*** Opening of Material for the task ***
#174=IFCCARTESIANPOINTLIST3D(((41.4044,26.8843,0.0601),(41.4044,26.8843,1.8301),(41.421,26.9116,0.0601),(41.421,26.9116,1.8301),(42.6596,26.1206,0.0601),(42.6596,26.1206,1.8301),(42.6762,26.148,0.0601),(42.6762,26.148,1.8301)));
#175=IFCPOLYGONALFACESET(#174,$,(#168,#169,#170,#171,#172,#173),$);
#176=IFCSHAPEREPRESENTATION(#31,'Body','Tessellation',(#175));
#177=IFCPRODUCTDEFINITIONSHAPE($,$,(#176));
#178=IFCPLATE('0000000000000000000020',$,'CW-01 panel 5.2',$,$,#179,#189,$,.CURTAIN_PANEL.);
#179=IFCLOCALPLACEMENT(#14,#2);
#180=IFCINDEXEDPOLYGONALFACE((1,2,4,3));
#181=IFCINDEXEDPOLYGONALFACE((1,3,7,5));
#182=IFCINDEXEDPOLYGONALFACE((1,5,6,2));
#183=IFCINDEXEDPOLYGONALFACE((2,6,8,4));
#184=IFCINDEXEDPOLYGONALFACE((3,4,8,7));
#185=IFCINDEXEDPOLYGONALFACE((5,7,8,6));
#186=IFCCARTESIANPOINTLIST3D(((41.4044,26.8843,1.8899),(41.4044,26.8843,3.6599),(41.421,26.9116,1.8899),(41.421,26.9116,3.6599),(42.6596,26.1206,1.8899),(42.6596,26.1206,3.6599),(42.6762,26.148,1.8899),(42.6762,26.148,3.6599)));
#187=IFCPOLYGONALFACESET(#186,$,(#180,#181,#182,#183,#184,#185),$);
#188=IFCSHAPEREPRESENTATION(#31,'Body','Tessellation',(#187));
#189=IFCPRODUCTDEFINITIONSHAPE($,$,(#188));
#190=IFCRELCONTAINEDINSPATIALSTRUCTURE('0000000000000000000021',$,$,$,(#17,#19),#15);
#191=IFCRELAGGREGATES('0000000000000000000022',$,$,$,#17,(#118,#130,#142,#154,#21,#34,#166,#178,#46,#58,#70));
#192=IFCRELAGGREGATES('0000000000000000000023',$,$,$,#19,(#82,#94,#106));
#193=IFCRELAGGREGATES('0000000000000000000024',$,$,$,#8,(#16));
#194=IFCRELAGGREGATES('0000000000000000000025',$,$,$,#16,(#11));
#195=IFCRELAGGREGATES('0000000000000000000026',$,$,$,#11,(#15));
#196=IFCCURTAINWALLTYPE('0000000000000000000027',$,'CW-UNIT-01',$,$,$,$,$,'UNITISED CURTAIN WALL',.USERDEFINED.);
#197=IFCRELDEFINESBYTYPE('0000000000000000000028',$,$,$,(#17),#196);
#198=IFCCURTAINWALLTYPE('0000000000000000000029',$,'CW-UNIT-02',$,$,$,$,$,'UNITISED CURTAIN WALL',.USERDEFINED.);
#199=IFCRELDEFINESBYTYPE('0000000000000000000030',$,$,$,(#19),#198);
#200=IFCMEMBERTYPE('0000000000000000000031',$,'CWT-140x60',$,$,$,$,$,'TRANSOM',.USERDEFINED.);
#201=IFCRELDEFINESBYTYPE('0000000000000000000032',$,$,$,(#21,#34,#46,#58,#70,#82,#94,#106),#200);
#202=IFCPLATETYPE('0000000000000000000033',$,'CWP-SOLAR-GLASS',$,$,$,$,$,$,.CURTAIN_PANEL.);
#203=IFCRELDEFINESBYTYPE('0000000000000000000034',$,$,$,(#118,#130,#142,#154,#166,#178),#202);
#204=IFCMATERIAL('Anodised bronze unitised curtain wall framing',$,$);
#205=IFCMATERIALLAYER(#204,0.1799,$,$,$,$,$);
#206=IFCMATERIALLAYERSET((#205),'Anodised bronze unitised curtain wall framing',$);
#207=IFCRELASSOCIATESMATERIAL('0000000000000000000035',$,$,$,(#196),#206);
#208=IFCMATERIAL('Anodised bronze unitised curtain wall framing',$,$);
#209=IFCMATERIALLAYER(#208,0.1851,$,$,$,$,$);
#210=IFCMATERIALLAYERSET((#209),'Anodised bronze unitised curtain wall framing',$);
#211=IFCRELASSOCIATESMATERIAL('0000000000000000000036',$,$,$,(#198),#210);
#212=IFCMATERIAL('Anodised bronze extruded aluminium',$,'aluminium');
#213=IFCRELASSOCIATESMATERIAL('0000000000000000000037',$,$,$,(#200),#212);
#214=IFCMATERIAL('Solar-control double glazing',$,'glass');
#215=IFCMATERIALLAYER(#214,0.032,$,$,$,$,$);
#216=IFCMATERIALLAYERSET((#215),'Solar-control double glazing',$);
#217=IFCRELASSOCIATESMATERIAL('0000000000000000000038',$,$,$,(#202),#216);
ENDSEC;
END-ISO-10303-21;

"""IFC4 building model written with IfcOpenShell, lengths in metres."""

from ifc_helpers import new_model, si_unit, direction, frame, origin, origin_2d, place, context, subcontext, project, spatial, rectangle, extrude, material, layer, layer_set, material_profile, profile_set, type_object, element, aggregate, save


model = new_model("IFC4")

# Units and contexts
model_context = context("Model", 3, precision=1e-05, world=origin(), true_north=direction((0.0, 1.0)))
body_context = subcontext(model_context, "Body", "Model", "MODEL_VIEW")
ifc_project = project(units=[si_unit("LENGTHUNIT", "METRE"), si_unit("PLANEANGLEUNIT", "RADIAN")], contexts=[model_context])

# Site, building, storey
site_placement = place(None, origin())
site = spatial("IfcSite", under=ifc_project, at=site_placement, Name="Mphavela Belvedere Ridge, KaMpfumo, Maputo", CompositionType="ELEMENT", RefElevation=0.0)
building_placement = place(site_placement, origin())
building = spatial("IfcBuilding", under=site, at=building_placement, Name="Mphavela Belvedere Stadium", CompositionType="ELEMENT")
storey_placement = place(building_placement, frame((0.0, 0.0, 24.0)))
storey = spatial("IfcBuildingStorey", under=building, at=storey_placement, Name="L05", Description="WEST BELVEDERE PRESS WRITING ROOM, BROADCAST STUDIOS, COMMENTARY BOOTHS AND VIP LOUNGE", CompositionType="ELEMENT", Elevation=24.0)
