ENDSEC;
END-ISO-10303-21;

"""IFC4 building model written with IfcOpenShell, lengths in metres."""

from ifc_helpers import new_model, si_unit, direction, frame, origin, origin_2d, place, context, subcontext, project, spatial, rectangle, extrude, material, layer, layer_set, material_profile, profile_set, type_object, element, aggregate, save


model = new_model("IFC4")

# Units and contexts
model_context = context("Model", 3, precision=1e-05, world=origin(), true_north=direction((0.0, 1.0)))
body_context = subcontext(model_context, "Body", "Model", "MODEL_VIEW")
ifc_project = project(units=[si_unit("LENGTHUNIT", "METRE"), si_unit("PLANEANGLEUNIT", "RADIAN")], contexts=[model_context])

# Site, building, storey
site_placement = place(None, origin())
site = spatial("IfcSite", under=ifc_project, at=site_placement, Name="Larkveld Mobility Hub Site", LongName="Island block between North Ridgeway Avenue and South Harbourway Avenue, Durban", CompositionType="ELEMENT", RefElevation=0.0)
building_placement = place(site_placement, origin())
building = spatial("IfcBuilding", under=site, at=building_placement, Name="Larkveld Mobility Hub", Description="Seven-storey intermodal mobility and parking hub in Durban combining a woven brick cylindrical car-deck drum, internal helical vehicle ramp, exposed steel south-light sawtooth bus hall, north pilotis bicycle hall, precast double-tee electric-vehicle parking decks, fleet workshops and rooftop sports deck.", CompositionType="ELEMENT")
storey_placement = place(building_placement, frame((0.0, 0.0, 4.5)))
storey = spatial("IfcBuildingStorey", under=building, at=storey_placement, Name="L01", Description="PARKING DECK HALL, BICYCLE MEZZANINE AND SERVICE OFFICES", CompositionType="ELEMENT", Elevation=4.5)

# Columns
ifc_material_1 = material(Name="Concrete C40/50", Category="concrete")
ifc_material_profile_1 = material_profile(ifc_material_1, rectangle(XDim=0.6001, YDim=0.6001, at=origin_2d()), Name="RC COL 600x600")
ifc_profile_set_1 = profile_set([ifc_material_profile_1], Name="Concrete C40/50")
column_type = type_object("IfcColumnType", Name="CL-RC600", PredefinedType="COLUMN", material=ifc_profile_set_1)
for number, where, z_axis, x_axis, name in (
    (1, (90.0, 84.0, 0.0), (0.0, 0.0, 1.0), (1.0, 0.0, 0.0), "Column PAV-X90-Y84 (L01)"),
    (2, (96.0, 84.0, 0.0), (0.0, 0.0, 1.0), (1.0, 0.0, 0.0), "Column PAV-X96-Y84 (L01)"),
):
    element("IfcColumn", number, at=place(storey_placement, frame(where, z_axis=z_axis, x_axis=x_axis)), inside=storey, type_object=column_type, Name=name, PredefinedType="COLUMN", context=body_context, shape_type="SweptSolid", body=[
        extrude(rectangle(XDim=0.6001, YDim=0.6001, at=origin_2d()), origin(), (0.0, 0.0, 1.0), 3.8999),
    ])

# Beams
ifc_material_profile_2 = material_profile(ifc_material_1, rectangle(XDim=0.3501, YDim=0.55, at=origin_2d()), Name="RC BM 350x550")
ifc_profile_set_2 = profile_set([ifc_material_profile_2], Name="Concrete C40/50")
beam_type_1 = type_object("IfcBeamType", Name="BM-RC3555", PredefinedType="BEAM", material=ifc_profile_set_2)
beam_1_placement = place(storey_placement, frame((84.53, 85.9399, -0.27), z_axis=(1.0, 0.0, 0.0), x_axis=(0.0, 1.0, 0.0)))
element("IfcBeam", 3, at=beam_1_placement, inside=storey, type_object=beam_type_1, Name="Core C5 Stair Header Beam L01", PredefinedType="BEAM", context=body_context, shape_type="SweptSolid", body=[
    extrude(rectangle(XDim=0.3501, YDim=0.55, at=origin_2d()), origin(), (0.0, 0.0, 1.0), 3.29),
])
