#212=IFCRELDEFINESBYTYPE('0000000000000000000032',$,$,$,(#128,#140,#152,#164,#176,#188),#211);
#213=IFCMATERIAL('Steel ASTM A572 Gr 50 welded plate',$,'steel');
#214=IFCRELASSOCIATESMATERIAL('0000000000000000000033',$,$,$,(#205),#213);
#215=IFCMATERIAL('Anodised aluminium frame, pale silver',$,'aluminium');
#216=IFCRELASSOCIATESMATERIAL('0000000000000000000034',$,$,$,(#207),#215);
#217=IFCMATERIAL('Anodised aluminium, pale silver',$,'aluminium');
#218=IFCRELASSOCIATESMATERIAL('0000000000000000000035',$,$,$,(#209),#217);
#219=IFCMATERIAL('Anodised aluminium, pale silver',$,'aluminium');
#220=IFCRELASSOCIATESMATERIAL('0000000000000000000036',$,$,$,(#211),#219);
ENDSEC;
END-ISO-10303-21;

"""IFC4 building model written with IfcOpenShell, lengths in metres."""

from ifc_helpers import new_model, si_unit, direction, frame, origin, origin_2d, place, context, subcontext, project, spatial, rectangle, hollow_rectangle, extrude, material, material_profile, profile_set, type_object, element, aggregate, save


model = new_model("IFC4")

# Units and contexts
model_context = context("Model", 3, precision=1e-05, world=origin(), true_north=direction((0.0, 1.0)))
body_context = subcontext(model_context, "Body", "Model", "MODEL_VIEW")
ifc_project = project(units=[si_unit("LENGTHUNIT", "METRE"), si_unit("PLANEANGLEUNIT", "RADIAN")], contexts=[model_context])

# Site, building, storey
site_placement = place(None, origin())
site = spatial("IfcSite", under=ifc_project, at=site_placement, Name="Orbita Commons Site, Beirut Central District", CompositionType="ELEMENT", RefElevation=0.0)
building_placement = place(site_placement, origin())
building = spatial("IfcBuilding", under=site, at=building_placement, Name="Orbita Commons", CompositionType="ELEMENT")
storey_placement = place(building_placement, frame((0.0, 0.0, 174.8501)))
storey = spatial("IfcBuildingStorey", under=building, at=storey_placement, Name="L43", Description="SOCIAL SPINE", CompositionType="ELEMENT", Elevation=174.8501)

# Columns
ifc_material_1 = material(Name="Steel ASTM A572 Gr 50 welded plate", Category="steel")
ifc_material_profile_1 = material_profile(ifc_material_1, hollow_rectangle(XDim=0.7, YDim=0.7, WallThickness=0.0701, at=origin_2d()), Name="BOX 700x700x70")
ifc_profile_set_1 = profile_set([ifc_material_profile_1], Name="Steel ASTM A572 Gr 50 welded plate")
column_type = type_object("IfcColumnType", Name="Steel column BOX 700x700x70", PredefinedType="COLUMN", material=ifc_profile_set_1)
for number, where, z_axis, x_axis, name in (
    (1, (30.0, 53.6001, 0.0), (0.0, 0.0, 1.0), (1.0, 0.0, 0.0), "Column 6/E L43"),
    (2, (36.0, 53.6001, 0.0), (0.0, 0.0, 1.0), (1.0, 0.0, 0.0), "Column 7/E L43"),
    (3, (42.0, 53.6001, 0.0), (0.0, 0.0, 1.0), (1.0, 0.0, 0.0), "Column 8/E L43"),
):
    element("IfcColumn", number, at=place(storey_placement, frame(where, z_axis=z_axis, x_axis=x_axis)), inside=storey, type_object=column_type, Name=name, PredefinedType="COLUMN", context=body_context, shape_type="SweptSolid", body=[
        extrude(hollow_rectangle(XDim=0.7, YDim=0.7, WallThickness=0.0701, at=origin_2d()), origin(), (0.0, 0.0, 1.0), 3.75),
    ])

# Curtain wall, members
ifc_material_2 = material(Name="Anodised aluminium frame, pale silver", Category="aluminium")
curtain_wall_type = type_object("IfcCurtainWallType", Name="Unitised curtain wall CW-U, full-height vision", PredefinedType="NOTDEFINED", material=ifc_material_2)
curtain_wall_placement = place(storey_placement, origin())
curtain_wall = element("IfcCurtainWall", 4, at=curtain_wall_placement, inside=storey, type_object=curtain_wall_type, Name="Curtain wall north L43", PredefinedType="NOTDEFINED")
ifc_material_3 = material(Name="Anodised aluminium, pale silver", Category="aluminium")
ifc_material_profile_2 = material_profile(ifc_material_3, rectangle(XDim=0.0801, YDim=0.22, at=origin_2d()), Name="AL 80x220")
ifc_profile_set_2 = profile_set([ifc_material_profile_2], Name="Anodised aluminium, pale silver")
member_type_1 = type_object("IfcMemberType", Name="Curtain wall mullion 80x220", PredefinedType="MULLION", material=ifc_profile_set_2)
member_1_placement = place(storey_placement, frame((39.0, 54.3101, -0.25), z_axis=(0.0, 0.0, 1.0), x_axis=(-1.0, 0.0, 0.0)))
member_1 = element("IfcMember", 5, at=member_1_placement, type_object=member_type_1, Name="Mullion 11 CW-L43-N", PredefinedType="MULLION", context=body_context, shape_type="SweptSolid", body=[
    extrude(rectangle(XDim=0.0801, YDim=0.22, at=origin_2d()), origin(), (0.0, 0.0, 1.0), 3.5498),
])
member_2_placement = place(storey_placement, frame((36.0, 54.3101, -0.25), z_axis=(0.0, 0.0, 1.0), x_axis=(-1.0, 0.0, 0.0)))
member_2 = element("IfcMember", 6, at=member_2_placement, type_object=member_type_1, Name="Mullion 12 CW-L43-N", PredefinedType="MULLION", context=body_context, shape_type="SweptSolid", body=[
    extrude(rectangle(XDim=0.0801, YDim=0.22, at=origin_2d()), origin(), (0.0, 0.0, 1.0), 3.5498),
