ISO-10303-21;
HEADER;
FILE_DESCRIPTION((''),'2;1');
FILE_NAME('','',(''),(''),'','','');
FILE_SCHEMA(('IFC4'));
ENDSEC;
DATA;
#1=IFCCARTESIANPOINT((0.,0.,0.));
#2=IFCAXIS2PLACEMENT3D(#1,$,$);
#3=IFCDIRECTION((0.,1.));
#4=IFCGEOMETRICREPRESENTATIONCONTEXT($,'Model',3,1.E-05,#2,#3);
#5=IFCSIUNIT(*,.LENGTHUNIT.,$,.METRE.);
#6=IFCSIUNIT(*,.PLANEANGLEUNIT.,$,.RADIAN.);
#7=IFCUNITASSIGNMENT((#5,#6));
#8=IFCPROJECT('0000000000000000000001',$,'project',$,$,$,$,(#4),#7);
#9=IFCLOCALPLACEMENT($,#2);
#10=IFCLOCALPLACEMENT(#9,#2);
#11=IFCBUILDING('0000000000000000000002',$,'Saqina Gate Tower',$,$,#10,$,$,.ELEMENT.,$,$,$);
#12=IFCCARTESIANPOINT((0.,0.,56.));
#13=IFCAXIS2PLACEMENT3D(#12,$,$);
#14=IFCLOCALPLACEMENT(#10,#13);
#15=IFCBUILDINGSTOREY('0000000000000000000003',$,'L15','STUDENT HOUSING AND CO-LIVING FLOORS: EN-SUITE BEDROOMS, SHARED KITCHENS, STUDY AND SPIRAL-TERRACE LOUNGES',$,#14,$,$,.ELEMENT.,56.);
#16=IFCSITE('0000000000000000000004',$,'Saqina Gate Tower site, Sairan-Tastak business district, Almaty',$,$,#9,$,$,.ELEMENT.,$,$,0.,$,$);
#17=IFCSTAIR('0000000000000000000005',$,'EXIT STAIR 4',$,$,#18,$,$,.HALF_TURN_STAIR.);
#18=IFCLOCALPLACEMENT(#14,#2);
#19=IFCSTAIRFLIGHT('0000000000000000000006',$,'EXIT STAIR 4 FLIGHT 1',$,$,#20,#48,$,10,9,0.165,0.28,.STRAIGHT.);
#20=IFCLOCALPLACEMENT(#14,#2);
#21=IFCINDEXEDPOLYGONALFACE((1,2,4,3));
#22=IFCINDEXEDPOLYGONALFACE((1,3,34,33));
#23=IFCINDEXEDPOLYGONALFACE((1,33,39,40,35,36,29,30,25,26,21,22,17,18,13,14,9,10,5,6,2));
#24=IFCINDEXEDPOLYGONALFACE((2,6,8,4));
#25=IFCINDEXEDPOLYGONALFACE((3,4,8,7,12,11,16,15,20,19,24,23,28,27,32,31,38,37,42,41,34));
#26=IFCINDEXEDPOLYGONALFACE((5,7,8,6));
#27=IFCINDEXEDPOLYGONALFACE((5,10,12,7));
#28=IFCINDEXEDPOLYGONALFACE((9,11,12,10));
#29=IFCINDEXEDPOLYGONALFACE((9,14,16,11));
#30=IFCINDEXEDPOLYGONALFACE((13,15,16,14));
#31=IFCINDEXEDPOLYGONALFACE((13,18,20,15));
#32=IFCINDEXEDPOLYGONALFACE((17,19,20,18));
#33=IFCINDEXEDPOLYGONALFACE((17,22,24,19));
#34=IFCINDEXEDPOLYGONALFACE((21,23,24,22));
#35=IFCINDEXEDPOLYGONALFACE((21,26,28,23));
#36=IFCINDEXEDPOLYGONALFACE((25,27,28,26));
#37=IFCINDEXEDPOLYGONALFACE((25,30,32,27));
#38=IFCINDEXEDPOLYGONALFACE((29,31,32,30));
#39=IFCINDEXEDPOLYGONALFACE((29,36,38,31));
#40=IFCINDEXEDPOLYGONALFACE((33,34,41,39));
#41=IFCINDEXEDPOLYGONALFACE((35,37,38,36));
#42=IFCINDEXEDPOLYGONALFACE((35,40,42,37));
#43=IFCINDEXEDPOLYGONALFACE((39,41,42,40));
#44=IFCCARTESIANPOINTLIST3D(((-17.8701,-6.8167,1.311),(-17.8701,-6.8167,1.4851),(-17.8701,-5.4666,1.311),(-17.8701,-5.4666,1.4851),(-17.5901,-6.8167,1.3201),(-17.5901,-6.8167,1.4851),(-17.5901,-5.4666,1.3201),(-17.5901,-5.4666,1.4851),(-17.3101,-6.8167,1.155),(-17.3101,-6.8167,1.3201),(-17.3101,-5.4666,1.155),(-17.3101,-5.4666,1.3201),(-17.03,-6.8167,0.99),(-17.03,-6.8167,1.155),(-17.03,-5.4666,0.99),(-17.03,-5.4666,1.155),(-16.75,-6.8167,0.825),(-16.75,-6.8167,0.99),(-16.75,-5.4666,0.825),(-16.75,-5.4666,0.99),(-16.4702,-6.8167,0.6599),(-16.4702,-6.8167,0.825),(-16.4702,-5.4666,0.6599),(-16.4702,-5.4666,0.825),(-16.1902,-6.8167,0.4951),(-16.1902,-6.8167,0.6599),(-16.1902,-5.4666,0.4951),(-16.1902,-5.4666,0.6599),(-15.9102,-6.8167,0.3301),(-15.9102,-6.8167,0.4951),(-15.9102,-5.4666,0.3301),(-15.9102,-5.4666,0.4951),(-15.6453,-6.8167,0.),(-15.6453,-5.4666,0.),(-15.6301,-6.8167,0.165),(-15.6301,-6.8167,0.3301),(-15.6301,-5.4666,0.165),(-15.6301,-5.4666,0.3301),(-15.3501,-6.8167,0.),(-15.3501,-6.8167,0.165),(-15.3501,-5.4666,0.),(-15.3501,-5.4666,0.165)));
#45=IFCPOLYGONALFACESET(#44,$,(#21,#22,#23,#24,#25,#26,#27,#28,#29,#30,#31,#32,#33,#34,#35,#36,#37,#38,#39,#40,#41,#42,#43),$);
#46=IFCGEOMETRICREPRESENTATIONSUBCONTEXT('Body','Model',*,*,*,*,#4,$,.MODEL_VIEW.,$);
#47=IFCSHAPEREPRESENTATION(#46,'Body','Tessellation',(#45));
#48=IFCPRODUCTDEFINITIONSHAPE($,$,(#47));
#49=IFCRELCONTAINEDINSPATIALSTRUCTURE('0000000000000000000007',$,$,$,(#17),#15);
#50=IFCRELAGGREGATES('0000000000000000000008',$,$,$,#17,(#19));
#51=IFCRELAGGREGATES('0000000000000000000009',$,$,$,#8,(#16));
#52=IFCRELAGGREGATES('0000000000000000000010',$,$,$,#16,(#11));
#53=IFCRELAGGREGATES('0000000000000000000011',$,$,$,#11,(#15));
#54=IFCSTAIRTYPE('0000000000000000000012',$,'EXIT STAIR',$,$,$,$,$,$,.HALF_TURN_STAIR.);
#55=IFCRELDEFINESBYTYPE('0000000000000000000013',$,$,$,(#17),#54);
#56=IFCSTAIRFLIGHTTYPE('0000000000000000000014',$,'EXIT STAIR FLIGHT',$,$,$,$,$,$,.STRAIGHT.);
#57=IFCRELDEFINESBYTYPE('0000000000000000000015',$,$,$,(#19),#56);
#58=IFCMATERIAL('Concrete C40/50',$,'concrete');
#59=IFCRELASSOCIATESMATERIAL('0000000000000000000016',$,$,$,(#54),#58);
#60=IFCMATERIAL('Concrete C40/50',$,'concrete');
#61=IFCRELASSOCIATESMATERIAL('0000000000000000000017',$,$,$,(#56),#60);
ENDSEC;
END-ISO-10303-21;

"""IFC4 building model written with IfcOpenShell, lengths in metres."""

from ifc_helpers import new_model, si_unit, direction, frame, origin, place, context, subcontext, project, spatial, polyline, outline, extrude, material, type_object, element, aggregate, save


model = new_model("IFC4")

# Units and contexts
model_context = context("Model", 3, precision=1e-05, world=origin(), true_north=direction((0.0, 1.0)))
body_context = subcontext(model_context, "Body", "Model", "MODEL_VIEW")
ifc_project = project(units=[si_unit("LENGTHUNIT", "METRE"), si_unit("PLANEANGLEUNIT", "RADIAN")], contexts=[model_context])

# Site, building, storey
site_placement = place(None, origin())
site = spatial("IfcSite", under=ifc_project, at=site_placement, Name="Saqina Gate Tower site, Sairan-Tastak business district, Almaty", CompositionType="ELEMENT", RefElevation=0.0)
building_placement = place(site_placement, origin())
building = spatial("IfcBuilding", under=site, at=building_placement, Name="Saqina Gate Tower", CompositionType="ELEMENT")
storey_placement = place(building_placement, frame((0.0, 0.0, 56.0)))
storey = spatial("IfcBuildingStorey", under=building, at=storey_placement, Name="L15", Description="STUDENT HOUSING AND CO-LIVING FLOORS: EN-SUITE BEDROOMS, SHARED KITCHENS, STUDY AND SPIRAL-TERRACE LOUNGES", CompositionType="ELEMENT", Elevation=56.0)

# Stair, stair flight
ifc_material_1 = material(Name="Concrete C40/50", Category="concrete")
stair_type = type_object("IfcStairType", Name="EXIT STAIR", PredefinedType="HALF_TURN_STAIR", material=ifc_material_1)
stair_placement = place(storey_placement, origin())
stair = element("IfcStair", 1, at=stair_placement, inside=storey, type_object=stair_type, Name="EXIT STAIR 4", PredefinedType="HALF_TURN_STAIR")
ifc_material_2 = material(Name="Concrete C40/50", Category="concrete")
stair_flight_type = type_object("IfcStairFlightType", Name="EXIT STAIR FLIGHT", PredefinedType="STRAIGHT", material=ifc_material_2)
stair_flight_placement = place(storey_placement, frame((-15.3501, -6.1416, 0.0), z_axis=(0.0, 0.0, 1.0), x_axis=(-1.0, 0.0, 0.0)))
stair_flight = element("IfcStairFlight", 2, at=stair_flight_placement, type_object=stair_flight_type, Name="EXIT STAIR 4 FLIGHT 1", NumberOfRisers=10, NumberOfTreads=9, PredefinedType="STRAIGHT", RiserHeight=0.165, TreadLength=0.28, context=body_context, shape_type="SweptSolid", body=[
    extrude(outline(polyline([(0.0, 0.0), (0.0, 0.165), (0.28, 0.165), (0.28, 0.3301), (0.5601, 0.3301), (0.5601, 0.4951), (0.8401, 0.4951), (0.8401, 0.6599), (1.1201, 0.6599), (1.1201, 0.825), (1.3999, 0.825), (1.3999, 0.99), (1.6799, 0.99), (1.6799, 1.155), (1.96, 1.155), (1.96, 1.3201), (2.24, 1.3201), (2.24, 1.4851), (2.52, 1.4851), (2.52, 1.6499), (2.52, 1.311), (0.2952, 0.0), (0.0, 0.0)])), frame((0.0, 0.675, 0.0), z_axis=(0.0, -1.0, 0.0), x_axis=(1.0, 0.0, 0.0)), (0.0, 0.0, 1.0), 1.3501),
])
aggregate(stair, [stair_flight])

save(model, "model.ifc")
*** Close of Material for the task ***
— Task —
Using the data above, extract exactly the lines from the one that holds "#13=IFCAXIS2PLACEMENT3D(#12,$,$);" to the one that holds "AND SPIRAL-TERRACE LOUNGES',$,#14,$,$,.ELEMENT.,56.);", both ends included, and no others.

— Written answer —
#13=IFCAXIS2PLACEMENT3D(#12,$,$);
#14=IFCLOCALPLACEMENT(#10,#13);
#15=IFCBUILDINGSTOREY('0000000000000000000003',$,'L15','STUDENT HOUSING AND CO-LIVING FLOORS: EN-SUITE BEDROOMS, SHARED KITCHENS, STUDY AND SPIRAL-TERRACE LOUNGES',$,#14,$,$,.ELEMENT.,56.);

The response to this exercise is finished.